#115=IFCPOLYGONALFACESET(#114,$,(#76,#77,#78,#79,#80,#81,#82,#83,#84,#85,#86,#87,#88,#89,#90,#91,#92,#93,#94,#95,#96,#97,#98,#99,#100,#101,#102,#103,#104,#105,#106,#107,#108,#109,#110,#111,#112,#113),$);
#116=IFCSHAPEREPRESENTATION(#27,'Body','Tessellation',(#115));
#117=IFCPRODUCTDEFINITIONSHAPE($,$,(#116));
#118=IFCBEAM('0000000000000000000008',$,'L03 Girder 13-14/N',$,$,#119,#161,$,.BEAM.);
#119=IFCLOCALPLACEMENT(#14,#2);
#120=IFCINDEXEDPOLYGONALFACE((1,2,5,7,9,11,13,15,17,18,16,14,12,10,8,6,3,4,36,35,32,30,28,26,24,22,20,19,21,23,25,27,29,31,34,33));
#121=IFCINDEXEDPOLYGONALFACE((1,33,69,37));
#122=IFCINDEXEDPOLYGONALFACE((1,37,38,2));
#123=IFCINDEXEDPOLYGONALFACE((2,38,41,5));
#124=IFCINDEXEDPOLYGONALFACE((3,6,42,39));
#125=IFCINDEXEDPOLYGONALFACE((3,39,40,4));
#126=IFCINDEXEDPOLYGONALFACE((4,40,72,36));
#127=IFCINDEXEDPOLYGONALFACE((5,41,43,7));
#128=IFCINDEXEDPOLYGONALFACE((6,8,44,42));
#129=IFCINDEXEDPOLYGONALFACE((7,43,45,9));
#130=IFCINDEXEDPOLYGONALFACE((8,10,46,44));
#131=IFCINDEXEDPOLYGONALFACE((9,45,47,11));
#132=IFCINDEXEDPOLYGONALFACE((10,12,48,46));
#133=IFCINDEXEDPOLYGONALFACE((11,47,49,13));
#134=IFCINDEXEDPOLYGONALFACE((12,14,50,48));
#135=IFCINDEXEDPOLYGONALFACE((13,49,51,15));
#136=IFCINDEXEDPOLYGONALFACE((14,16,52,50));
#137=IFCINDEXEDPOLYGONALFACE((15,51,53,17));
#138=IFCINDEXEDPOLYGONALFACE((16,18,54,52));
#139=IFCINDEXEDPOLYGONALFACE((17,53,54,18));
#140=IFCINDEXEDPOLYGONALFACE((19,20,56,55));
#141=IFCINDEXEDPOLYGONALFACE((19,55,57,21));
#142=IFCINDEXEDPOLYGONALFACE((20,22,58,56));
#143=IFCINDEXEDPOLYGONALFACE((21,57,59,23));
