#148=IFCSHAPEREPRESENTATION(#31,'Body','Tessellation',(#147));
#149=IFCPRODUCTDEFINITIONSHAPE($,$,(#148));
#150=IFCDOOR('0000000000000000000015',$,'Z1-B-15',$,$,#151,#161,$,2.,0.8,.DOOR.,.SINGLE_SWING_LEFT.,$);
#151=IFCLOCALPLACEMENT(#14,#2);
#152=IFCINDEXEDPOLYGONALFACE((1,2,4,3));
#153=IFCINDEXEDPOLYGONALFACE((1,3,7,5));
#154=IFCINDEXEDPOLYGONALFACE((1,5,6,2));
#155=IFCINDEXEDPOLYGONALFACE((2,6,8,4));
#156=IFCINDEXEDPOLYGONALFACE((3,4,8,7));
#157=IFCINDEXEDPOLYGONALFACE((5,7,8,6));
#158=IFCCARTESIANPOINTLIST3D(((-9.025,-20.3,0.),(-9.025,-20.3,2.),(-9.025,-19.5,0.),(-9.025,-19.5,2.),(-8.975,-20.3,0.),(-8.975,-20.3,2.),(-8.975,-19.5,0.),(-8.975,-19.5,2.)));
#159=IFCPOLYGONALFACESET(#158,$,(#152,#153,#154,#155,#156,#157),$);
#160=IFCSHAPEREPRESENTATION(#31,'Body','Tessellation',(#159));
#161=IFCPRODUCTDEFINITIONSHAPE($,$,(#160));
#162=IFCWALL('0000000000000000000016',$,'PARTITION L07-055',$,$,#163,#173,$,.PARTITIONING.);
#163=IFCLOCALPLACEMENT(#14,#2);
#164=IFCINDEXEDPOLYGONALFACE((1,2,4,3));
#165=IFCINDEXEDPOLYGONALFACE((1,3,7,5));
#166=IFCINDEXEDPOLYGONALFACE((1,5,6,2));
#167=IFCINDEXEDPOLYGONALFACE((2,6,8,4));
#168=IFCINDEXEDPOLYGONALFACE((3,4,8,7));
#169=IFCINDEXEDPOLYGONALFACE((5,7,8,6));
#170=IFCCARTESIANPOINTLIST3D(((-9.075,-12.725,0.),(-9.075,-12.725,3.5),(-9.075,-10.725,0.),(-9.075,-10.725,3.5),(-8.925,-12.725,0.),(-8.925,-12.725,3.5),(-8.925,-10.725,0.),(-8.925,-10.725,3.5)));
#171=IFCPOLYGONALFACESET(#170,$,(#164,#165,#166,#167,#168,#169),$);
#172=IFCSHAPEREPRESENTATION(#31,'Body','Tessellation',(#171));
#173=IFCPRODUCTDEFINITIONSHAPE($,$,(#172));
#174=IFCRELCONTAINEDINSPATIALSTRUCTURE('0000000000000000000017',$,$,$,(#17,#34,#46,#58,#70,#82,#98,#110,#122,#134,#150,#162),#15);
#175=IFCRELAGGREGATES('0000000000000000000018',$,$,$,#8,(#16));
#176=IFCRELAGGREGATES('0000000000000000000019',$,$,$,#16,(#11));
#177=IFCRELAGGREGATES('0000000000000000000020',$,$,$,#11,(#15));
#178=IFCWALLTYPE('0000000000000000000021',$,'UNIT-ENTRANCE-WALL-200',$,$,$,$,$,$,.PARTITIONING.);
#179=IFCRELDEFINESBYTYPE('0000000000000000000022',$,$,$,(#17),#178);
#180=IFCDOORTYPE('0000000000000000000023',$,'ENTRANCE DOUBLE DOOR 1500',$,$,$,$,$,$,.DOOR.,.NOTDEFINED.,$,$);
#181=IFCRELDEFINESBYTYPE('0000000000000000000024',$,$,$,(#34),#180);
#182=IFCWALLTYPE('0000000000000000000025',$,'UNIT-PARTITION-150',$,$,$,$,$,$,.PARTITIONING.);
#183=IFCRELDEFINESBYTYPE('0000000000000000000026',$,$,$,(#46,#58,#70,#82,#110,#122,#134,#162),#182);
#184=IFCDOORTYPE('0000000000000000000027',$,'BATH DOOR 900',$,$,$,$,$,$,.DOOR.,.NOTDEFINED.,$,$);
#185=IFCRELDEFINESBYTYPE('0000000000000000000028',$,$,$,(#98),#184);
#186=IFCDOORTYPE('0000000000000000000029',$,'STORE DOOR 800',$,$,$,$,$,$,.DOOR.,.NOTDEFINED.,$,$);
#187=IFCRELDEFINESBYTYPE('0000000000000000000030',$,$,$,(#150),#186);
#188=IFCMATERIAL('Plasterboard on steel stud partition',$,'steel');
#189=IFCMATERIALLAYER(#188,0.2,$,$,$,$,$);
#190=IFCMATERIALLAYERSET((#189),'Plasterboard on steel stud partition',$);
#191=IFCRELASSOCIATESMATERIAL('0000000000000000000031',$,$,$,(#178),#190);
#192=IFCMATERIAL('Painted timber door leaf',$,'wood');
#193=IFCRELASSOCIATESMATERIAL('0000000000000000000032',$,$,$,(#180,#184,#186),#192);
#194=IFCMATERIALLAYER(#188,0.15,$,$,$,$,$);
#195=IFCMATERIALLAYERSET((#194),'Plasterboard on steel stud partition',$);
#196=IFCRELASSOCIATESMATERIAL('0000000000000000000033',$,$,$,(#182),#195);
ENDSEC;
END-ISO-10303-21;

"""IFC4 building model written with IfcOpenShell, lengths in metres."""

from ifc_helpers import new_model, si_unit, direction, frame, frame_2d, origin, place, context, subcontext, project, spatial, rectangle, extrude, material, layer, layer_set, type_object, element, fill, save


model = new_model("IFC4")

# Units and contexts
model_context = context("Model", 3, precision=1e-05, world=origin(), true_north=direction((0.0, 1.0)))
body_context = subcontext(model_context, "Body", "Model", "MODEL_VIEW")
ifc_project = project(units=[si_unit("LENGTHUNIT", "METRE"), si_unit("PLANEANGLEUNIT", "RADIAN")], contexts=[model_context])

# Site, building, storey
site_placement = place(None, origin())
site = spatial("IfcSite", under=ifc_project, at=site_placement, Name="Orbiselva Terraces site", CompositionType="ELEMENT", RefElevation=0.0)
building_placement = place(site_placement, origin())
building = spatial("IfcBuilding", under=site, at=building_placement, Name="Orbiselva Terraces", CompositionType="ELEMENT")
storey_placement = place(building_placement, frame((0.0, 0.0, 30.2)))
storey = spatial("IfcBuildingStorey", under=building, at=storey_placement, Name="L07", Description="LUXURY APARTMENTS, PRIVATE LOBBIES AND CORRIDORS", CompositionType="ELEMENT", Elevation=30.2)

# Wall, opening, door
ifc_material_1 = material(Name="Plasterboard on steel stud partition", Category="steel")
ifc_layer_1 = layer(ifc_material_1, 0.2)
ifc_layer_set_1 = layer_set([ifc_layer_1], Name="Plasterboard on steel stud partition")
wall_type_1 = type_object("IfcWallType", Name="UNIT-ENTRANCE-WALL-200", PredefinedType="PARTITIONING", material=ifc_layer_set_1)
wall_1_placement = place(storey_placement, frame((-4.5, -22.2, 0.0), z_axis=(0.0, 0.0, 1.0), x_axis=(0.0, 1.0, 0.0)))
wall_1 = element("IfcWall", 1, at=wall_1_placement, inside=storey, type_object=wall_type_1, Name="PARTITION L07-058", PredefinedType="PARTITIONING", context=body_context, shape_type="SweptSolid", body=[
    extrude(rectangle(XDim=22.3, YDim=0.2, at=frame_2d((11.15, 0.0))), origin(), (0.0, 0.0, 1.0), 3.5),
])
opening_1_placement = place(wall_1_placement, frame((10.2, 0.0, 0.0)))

-------------------------

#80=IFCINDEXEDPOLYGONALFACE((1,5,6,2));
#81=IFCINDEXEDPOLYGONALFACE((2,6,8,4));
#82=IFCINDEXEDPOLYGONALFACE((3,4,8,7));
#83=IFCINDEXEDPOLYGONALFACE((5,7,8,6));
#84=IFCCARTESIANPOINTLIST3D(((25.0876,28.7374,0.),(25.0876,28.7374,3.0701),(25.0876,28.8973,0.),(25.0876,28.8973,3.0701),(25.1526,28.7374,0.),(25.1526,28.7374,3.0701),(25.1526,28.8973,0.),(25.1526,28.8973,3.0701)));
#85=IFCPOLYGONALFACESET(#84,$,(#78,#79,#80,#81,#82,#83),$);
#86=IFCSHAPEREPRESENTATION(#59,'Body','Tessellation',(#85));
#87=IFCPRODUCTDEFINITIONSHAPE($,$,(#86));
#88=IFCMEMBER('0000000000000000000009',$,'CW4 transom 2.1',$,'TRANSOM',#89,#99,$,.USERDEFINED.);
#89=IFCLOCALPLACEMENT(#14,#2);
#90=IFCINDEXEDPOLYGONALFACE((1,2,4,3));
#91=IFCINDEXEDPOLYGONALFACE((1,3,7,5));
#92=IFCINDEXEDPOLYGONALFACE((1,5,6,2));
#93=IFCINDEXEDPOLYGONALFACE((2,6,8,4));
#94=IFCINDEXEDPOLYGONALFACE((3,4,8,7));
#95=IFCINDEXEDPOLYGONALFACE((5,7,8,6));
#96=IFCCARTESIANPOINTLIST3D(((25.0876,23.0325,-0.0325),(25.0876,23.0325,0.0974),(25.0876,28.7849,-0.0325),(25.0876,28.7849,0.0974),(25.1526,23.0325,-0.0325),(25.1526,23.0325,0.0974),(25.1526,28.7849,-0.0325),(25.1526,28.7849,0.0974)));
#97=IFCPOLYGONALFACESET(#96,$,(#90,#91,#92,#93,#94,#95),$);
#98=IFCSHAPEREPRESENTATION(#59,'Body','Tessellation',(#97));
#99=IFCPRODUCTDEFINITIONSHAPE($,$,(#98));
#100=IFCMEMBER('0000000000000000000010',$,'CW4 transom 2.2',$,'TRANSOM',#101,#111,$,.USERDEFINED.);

-------------------------

### What you have to do
To answer, report how many lines of the listing contain the word "Tessellation", as a number with nothing else.

### Output of the exercise
6